» **Dataset records**
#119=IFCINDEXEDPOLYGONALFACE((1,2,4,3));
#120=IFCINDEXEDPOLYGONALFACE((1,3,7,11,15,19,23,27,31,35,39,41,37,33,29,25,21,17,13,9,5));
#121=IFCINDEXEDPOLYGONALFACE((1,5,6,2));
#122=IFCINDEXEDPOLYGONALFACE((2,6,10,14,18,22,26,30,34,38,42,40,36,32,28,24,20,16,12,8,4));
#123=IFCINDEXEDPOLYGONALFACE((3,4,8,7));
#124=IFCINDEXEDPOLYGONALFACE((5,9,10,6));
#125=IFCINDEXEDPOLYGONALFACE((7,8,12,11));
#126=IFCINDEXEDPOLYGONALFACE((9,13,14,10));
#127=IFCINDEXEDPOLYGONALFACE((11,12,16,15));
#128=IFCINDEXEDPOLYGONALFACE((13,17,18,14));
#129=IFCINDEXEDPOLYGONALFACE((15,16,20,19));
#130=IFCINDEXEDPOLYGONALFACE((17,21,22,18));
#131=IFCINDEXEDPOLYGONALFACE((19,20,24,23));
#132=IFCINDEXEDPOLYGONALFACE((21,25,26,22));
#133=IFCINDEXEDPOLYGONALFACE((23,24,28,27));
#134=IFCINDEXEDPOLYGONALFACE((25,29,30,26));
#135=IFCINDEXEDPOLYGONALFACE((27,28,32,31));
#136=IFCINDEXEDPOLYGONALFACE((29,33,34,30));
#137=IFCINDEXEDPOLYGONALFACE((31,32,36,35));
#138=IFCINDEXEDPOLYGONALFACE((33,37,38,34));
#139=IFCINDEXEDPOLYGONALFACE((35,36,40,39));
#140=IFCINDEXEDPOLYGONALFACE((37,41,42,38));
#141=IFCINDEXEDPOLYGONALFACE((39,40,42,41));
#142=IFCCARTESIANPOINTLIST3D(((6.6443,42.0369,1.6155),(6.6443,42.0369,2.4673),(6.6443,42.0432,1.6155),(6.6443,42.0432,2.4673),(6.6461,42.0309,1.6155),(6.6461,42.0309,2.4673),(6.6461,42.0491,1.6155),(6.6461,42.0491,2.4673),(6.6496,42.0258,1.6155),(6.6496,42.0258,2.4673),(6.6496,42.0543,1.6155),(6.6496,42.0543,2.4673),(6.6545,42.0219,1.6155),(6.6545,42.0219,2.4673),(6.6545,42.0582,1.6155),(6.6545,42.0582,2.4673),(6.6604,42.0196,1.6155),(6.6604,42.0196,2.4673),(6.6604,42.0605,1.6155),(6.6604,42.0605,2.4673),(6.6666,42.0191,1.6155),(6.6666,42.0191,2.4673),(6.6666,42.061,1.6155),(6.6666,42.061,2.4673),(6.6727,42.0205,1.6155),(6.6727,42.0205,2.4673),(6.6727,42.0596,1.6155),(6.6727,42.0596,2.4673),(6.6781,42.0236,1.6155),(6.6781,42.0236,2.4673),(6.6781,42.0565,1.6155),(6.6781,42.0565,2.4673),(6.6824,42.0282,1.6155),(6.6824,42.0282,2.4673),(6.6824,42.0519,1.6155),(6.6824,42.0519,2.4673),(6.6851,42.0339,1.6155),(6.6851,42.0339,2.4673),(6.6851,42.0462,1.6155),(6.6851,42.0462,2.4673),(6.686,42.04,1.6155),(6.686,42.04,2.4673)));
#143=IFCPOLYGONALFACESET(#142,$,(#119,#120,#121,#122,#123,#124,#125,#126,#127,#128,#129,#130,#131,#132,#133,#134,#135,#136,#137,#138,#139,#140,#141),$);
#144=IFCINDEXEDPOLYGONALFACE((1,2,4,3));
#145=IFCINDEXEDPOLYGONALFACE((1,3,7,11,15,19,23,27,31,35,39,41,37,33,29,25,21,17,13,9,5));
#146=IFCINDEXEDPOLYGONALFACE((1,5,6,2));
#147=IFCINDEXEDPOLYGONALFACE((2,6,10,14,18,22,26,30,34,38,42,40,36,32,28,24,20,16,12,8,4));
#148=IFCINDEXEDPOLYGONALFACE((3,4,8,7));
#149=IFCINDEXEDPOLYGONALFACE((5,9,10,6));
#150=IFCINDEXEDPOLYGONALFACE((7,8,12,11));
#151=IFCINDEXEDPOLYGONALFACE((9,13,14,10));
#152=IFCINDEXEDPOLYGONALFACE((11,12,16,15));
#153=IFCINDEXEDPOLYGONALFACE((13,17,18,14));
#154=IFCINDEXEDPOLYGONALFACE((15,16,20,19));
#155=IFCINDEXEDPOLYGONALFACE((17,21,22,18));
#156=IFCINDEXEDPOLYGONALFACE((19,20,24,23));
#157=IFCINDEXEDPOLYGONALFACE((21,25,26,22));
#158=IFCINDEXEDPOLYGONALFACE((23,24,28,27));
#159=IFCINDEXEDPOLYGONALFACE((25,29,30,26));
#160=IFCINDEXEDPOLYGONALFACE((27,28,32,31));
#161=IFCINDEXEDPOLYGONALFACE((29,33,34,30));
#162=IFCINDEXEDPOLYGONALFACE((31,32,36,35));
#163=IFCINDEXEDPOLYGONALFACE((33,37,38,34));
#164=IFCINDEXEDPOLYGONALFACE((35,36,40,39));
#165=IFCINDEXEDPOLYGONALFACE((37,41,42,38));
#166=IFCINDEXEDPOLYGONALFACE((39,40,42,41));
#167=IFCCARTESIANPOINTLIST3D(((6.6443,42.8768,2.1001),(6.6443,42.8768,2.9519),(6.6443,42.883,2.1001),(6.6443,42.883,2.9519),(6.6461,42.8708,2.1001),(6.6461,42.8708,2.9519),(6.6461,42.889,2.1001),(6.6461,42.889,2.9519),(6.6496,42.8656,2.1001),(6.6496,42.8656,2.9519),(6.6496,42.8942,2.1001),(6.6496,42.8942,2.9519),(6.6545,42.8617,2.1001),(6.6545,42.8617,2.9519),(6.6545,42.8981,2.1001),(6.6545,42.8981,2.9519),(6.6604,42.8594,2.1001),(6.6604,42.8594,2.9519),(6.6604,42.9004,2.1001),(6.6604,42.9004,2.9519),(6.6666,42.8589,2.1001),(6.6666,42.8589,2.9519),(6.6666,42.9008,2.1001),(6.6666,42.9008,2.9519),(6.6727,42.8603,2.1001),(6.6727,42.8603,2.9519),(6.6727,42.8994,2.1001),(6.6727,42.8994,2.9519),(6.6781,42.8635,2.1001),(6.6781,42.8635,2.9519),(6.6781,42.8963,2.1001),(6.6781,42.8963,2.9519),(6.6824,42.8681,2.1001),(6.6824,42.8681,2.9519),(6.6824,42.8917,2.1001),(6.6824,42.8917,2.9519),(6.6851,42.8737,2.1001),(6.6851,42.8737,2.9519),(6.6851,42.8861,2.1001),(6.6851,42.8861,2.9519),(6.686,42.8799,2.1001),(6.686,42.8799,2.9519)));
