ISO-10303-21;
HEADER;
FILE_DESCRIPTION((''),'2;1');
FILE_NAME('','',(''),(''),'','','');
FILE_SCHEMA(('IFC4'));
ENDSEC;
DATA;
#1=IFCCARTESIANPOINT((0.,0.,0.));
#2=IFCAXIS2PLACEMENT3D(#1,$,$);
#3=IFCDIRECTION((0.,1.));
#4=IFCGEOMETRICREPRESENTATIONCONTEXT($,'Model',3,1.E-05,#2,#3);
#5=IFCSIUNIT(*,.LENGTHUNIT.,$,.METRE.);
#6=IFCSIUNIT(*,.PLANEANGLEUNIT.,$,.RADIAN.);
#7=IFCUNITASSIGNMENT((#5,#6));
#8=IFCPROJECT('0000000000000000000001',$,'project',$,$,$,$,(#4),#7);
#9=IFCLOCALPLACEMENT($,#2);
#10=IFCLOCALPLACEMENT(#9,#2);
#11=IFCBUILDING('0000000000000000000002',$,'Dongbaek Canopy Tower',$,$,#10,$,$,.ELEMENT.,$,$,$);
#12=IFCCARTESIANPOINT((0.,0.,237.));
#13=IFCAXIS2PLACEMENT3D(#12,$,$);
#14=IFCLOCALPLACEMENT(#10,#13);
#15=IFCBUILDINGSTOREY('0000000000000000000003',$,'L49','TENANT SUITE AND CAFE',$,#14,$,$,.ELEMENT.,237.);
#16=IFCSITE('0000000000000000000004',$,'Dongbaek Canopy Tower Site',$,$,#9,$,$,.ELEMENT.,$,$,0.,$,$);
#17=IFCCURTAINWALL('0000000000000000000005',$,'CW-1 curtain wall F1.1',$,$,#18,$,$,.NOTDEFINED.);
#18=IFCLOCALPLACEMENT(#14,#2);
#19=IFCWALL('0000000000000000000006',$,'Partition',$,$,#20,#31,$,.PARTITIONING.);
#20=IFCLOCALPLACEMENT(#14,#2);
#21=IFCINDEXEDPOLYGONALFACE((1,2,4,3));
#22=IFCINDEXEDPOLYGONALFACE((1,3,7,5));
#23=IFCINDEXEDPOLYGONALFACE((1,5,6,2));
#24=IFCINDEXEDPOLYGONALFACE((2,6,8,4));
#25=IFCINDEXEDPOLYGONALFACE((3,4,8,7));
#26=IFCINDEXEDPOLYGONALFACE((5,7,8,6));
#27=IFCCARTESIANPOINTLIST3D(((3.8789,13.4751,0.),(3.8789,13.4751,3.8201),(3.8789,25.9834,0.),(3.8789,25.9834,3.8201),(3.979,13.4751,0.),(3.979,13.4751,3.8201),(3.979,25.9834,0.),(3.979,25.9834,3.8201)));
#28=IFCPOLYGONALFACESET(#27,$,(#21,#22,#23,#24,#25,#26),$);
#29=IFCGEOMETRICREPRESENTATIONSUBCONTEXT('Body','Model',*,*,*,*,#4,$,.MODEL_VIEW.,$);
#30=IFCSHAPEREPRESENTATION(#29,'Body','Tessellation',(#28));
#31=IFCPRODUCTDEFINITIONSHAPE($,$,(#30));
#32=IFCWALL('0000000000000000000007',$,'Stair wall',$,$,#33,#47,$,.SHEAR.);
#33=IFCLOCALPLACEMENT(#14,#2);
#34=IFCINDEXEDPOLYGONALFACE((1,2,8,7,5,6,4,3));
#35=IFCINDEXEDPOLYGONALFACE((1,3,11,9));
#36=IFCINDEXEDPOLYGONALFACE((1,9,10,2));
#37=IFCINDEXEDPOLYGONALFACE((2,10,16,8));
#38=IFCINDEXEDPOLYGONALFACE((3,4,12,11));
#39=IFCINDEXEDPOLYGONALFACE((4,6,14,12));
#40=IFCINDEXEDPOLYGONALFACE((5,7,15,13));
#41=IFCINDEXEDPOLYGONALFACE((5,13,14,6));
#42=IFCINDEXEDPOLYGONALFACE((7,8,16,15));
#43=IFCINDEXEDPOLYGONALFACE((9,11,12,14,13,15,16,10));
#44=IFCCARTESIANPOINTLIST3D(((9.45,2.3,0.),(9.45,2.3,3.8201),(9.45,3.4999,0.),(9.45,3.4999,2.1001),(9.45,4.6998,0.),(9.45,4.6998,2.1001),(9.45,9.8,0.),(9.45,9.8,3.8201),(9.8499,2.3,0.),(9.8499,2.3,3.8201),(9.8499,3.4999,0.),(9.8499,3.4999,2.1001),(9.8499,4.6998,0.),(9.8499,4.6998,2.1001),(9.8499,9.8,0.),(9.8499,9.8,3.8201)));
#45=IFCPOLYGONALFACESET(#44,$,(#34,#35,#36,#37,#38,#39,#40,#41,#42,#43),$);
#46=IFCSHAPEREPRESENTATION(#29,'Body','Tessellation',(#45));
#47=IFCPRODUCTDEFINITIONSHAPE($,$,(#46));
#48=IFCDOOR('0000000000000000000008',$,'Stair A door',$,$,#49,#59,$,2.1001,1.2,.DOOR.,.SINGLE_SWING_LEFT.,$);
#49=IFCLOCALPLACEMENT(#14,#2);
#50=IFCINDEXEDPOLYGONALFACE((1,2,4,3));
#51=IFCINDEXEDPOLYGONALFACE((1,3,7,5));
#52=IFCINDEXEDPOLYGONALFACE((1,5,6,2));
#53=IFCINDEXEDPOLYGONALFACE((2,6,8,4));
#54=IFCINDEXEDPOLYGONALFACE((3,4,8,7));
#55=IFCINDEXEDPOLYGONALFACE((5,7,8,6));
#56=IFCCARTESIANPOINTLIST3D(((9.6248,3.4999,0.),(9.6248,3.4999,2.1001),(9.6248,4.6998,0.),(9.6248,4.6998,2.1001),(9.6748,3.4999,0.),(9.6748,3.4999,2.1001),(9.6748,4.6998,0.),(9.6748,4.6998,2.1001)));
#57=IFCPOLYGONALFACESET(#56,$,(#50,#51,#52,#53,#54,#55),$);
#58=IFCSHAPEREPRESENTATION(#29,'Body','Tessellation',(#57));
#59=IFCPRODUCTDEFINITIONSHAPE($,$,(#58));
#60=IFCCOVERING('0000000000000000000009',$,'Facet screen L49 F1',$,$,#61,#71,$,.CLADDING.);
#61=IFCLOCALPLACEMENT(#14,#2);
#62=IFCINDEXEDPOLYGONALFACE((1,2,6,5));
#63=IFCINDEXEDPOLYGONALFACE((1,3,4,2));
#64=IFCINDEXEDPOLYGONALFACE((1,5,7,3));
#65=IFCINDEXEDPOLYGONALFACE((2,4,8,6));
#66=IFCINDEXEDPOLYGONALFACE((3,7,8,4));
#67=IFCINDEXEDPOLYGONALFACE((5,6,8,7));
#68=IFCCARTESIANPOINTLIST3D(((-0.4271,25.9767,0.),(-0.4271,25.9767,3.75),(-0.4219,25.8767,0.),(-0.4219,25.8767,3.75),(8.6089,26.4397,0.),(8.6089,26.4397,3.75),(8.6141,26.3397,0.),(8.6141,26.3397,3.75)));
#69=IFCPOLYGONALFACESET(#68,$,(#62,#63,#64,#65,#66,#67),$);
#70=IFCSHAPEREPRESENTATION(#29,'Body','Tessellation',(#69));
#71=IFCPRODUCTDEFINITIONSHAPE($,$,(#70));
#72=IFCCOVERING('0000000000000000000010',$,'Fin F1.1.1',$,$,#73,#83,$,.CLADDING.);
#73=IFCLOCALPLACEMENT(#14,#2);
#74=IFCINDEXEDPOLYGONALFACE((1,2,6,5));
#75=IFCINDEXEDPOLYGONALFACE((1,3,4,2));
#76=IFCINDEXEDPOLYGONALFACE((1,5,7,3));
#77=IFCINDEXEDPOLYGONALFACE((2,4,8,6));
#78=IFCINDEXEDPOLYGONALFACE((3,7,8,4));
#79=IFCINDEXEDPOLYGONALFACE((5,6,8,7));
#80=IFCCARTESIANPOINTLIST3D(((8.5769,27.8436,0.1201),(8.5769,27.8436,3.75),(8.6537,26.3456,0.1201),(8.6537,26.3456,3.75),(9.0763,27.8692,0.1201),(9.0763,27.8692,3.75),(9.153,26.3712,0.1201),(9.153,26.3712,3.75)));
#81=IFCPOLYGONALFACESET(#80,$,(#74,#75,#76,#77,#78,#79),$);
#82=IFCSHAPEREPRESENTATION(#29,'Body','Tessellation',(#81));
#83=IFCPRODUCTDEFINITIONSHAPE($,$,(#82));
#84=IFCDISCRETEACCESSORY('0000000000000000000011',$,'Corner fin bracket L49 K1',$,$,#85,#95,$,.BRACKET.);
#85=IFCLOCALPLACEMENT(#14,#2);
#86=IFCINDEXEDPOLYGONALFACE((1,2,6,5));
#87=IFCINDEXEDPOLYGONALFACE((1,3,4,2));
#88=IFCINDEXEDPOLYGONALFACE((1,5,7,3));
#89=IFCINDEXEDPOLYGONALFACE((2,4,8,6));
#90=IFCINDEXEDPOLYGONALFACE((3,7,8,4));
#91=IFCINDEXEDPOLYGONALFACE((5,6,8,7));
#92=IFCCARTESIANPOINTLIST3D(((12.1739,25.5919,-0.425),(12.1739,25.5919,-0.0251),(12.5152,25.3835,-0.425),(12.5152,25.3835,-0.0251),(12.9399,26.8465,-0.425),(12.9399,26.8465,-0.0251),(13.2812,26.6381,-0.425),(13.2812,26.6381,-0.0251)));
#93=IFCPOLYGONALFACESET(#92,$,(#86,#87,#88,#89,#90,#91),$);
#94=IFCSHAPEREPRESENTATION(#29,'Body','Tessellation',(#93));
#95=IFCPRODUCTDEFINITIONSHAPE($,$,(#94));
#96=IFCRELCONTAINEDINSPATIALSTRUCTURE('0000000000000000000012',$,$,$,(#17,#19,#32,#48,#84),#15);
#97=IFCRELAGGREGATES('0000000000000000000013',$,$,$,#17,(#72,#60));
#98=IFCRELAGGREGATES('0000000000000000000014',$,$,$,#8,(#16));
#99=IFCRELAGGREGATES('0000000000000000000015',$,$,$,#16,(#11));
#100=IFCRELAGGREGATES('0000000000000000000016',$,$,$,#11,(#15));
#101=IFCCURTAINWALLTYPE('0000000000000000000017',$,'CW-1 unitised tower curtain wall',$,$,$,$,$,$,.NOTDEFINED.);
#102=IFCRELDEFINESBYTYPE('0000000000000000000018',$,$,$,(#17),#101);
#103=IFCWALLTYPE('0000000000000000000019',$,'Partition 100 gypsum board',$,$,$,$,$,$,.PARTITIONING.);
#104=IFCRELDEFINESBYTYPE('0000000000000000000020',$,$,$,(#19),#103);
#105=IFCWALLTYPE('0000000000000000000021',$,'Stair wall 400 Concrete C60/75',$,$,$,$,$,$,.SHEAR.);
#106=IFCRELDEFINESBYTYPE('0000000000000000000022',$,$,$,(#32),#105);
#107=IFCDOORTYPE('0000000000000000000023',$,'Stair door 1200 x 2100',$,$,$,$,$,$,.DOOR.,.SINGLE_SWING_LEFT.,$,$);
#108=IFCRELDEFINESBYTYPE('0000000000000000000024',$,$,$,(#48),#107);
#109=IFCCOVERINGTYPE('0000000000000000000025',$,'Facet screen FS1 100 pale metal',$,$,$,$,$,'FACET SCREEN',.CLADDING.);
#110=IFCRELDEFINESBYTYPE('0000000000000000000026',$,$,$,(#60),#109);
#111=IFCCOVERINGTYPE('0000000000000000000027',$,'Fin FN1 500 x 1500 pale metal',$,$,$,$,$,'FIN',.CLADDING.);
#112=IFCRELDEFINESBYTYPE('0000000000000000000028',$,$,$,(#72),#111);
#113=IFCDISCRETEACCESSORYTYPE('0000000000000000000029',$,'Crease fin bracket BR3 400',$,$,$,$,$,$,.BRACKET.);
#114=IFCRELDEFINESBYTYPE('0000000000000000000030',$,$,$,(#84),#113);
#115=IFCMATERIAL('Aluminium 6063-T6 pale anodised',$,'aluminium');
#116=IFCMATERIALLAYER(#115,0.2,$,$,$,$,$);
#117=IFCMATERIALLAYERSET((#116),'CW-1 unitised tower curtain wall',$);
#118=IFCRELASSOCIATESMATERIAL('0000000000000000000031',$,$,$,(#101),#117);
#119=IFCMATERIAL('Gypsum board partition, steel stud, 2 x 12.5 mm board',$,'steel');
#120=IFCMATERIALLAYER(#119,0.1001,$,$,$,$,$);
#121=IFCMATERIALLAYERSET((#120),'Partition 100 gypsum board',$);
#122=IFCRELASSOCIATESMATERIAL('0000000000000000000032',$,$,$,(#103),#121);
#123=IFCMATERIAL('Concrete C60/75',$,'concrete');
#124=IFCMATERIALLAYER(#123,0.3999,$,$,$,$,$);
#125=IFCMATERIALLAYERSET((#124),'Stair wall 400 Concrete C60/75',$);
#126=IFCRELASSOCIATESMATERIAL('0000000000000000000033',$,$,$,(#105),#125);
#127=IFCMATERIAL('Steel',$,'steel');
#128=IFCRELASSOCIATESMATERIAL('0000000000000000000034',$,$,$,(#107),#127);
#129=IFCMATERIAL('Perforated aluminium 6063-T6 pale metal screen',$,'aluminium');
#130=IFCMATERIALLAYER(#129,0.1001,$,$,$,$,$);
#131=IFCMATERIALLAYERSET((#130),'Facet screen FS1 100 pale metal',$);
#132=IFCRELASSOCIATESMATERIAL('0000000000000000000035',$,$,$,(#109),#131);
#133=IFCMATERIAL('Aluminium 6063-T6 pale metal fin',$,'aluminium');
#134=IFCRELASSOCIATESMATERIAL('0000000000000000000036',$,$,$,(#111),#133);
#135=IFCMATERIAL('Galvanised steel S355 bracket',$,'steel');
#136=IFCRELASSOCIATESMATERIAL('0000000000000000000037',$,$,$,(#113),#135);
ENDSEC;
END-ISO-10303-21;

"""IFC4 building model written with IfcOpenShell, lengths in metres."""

from ifc_helpers import new_model, si_unit, direction, frame, frame_2d, origin, origin_2d, place, context, subcontext, project, spatial, rectangle, extrude, material, layer, layer_set, material_profile, profile_set, type_object, element, fill, aggregate, save


model = new_model("IFC4")

# Units and contexts
model_context = context("Model", 3, precision=1e-05, world=origin(), true_north=direction((0.0, 1.0)))
body_context = subcontext(model_context, "Body", "Model", "MODEL_VIEW")
ifc_project = project(units=[si_unit("LENGTHUNIT", "METRE"), si_unit("PLANEANGLEUNIT", "RADIAN")], contexts=[model_context])

# Site, building, storey
site_placement = place(None, origin())
site = spatial("IfcSite", under=ifc_project, at=site_placement, Name="Dongbaek Canopy Tower Site", CompositionType="ELEMENT", RefElevation=0.0)
building_placement = place(site_placement, origin())
building = spatial("IfcBuilding", under=site, at=building_placement, Name="Dongbaek Canopy Tower", CompositionType="ELEMENT")
storey_placement = place(building_placement, frame((0.0, 0.0, 237.0)))
storey = spatial("IfcBuildingStorey", under=building, at=storey_placement, Name="L49", Description="TENANT SUITE AND CAFE", CompositionType="ELEMENT", Elevation=237.0)

# Curtain wall
ifc_material_1 = material(Name="Aluminium 6063-T6 pale anodised", Category="aluminium")
ifc_layer_1 = layer(ifc_material_1, 0.2)
ifc_layer_set_1 = layer_set([ifc_layer_1], Name="CW-1 unitised tower curtain wall")
curtain_wall_type = type_object("IfcCurtainWallType", Name="CW-1 unitised tower curtain wall", PredefinedType="NOTDEFINED", material=ifc_layer_set_1)
curtain_wall_1_placement = place(storey_placement, origin())
curtain_wall_1 = element("IfcCurtainWall", 1, at=curtain_wall_1_placement, inside=storey, type_object=curtain_wall_type, Name="CW-1 curtain wall F1.1", PredefinedType="NOTDEFINED")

» **Work instruction**
The range runs from the line with "#74=IFCINDEXEDPOLYGONALFACE((1,2,6,5));" up to and including the line with "#79=IFCINDEXEDPOLYGONALFACE((5,6,8,7));" in the listing above; please write out exactly those lines and nothing more.

» **Output below**
#74=IFCINDEXEDPOLYGONALFACE((1,2,6,5));
#75=IFCINDEXEDPOLYGONALFACE((1,3,4,2));
#76=IFCINDEXEDPOLYGONALFACE((1,5,7,3));
#77=IFCINDEXEDPOLYGONALFACE((2,4,8,6));
#78=IFCINDEXEDPOLYGONALFACE((3,7,8,4));
#79=IFCINDEXEDPOLYGONALFACE((5,6,8,7));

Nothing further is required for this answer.